* _What the exercise asks_:
With both ends included, repeat exactly the lines of the entries below from the one containing "#39=IFCPOLYGONALFACESET(#38,$,(#32,#33,#34,#35,#36,#37),$);" down to the one containing "#44=IFCINDEXEDPOLYGONALFACE((1,2,4,3));", and no others.
====== Source material
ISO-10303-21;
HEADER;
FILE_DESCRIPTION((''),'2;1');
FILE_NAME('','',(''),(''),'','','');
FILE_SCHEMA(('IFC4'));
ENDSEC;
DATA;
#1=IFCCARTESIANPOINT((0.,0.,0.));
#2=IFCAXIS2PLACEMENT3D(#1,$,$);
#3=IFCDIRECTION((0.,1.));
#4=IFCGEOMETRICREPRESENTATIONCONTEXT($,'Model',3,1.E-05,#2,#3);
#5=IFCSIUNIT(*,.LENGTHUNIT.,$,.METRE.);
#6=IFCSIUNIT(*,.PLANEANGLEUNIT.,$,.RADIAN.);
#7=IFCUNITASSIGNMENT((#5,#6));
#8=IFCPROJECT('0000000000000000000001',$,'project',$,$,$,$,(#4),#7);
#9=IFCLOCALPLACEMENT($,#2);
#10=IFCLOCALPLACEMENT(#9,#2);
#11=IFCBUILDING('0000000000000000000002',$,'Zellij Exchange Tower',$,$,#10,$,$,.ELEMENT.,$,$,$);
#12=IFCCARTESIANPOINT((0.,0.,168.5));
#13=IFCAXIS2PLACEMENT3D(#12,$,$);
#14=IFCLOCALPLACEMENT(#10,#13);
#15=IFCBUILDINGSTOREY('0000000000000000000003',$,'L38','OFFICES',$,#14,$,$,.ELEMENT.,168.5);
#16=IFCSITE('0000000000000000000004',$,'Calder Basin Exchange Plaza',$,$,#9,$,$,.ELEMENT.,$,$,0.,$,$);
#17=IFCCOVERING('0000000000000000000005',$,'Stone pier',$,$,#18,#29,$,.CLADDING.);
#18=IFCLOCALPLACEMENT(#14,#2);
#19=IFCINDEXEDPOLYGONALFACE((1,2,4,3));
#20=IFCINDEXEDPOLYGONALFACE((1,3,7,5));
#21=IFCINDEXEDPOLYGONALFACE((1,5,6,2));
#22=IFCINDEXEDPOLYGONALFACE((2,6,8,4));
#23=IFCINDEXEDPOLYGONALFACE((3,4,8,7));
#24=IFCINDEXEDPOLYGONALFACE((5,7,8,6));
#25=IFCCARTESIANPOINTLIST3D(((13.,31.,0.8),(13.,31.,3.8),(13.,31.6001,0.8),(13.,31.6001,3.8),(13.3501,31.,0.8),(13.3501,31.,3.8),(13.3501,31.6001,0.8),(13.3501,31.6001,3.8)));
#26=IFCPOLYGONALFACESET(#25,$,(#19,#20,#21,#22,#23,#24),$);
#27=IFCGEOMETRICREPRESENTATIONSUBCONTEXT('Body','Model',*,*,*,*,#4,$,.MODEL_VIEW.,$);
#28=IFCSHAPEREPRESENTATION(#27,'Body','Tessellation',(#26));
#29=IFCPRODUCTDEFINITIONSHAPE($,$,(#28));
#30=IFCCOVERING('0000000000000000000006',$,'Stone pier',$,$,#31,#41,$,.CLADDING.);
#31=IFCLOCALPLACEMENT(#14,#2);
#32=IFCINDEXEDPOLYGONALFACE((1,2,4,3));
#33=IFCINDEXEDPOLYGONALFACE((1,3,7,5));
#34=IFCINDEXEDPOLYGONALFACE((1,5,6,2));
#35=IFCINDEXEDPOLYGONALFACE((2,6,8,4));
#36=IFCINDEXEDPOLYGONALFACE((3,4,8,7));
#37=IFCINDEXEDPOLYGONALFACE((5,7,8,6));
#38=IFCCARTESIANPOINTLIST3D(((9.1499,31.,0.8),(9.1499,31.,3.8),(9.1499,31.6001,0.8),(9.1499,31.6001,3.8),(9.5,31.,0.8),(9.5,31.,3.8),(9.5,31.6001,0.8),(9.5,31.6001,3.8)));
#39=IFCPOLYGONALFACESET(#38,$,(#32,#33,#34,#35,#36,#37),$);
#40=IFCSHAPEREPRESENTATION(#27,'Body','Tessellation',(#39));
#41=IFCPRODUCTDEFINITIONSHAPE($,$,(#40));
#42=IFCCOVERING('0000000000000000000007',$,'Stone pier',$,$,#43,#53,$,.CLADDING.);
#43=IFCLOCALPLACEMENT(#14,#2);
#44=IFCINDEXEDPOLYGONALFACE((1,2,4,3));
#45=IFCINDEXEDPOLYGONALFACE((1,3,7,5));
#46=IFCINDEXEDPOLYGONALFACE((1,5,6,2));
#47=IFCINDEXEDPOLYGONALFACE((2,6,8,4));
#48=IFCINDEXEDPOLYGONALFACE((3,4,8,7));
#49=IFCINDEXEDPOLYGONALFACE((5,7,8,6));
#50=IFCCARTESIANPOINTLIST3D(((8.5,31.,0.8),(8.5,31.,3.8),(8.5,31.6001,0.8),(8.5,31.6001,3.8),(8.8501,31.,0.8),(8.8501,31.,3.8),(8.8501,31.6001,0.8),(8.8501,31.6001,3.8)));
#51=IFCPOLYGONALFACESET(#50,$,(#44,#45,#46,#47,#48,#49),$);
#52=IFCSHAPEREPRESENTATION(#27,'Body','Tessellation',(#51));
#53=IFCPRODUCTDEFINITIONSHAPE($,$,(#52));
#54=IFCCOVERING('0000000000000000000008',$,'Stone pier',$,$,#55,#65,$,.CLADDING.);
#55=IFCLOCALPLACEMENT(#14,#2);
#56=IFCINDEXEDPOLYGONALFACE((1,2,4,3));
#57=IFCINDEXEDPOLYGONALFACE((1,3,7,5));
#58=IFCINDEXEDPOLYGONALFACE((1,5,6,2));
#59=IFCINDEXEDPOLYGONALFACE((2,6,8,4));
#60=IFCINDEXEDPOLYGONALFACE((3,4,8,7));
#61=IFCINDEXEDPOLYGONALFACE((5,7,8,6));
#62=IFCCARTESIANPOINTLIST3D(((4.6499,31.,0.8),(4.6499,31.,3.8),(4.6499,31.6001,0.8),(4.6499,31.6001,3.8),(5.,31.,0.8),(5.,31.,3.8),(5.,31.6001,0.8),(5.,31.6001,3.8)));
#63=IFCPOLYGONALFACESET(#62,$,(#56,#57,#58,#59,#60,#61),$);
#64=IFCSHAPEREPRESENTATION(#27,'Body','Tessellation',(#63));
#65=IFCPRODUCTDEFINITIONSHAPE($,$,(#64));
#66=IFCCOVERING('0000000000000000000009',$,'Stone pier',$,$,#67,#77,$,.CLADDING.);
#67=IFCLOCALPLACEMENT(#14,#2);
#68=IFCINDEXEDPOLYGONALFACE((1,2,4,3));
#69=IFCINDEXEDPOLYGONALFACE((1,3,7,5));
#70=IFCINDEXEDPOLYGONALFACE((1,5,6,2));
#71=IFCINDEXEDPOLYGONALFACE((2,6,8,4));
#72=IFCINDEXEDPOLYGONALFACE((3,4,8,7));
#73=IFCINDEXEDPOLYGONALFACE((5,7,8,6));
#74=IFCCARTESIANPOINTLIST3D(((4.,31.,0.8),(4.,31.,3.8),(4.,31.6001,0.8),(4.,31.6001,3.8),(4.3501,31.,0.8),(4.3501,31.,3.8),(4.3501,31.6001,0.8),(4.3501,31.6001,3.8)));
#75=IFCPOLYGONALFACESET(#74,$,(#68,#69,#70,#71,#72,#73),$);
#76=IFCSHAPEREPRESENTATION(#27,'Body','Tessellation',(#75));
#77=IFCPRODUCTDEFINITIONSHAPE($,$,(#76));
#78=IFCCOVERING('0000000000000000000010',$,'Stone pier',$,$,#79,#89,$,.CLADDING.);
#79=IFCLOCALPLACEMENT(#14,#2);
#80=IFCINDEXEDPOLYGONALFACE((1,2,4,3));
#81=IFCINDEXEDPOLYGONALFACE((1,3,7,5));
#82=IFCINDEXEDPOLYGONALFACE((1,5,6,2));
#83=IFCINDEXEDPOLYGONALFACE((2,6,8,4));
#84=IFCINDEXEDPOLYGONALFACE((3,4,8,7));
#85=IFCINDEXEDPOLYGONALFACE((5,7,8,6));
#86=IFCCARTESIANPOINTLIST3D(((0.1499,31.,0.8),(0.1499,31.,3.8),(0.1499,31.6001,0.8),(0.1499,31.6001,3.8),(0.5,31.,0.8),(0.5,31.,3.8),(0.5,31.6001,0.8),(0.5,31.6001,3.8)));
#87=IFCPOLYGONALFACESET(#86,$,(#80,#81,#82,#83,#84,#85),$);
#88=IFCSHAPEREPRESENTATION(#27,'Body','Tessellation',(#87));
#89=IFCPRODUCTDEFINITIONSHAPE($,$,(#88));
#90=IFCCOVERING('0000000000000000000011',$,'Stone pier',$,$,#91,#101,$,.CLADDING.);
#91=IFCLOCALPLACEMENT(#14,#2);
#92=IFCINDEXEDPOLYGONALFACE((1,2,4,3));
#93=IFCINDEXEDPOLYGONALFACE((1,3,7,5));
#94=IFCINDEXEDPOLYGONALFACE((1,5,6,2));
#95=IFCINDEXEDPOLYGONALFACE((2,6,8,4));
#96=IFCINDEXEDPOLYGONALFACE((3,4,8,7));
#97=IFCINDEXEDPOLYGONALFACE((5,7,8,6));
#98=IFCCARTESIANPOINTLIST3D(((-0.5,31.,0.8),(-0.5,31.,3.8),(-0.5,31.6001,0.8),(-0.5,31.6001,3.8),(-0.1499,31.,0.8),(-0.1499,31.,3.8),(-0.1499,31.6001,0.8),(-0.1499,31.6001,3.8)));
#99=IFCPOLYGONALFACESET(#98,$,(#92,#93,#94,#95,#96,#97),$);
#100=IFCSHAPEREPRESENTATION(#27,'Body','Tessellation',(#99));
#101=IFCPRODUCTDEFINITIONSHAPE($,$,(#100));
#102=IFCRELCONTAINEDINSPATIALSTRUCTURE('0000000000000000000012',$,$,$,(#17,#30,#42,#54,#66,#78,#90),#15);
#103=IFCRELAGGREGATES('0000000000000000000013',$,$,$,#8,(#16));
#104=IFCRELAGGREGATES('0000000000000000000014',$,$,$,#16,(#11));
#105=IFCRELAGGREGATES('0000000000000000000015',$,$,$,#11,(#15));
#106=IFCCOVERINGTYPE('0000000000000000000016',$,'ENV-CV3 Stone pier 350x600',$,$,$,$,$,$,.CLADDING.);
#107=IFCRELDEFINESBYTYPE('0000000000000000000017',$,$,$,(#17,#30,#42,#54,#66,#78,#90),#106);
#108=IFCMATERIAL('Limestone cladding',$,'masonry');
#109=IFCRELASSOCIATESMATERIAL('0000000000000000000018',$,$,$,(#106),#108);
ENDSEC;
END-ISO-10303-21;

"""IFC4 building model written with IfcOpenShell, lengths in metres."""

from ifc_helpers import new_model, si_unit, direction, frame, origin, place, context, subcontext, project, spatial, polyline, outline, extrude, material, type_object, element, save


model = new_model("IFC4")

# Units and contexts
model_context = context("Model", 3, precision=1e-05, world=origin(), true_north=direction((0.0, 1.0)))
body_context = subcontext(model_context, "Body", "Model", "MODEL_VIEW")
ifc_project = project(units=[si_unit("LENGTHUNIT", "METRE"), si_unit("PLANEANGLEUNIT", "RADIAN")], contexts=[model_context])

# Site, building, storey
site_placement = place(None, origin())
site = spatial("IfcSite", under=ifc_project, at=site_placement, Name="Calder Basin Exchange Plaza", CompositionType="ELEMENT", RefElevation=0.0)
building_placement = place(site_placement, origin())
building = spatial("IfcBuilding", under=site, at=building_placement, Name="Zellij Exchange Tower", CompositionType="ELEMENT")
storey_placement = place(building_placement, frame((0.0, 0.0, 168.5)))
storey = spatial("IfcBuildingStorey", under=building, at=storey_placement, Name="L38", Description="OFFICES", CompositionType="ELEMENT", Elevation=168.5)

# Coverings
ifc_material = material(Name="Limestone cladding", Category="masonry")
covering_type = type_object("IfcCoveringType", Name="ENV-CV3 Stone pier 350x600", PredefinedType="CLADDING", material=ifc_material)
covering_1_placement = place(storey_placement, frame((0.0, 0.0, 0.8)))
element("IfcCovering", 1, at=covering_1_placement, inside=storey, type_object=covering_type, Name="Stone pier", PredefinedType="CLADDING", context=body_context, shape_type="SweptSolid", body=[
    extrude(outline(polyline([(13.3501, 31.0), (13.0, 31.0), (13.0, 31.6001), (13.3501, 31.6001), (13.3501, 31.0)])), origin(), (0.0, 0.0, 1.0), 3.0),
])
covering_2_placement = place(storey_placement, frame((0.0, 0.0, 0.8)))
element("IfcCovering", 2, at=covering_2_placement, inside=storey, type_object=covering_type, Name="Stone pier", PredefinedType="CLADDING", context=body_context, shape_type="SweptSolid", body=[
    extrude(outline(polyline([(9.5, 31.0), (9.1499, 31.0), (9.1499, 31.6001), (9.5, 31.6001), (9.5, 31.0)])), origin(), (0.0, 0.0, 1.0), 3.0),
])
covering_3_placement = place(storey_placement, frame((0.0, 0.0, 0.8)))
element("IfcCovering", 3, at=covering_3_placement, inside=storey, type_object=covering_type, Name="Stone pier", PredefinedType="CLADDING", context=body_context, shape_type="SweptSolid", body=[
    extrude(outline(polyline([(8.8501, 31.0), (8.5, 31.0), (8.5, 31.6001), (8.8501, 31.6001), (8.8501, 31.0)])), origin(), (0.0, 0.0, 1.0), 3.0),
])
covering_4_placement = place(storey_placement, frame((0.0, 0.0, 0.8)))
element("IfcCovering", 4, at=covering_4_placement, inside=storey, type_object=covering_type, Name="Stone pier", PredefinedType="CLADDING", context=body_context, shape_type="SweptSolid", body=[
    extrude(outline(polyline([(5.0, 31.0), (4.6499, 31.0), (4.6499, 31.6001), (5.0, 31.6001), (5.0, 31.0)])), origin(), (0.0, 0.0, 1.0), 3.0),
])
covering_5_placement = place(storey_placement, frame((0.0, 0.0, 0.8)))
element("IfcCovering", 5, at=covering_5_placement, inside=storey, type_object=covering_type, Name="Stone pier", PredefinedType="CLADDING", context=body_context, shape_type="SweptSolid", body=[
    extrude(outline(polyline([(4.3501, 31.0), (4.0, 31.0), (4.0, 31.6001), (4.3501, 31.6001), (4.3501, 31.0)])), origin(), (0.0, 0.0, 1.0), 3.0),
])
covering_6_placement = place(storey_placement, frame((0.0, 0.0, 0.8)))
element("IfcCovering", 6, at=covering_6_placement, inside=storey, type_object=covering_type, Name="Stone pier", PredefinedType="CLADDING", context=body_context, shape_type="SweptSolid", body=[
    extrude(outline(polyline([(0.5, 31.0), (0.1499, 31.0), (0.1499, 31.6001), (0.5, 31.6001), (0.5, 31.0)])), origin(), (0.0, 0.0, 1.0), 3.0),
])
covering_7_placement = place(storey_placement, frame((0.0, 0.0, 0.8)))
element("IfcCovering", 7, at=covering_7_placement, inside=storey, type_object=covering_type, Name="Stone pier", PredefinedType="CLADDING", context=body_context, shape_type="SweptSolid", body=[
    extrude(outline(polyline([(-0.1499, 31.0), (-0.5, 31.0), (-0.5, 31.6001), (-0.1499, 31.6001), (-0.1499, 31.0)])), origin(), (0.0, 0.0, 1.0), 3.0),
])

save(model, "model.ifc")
============
* _Task answer_:
#39=IFCPOLYGONALFACESET(#38,$,(#32,#33,#34,#35,#36,#37),$);
#40=IFCSHAPEREPRESENTATION(#27,'Body','Tessellation',(#39));
#41=IFCPRODUCTDEFINITIONSHAPE($,$,(#40));
#42=IFCCOVERING('0000000000000000000007',$,'Stone pier',$,$,#43,#53,$,.CLADDING.);
#43=IFCLOCALPLACEMENT(#14,#2);
#44=IFCINDEXEDPOLYGONALFACE((1,2,4,3));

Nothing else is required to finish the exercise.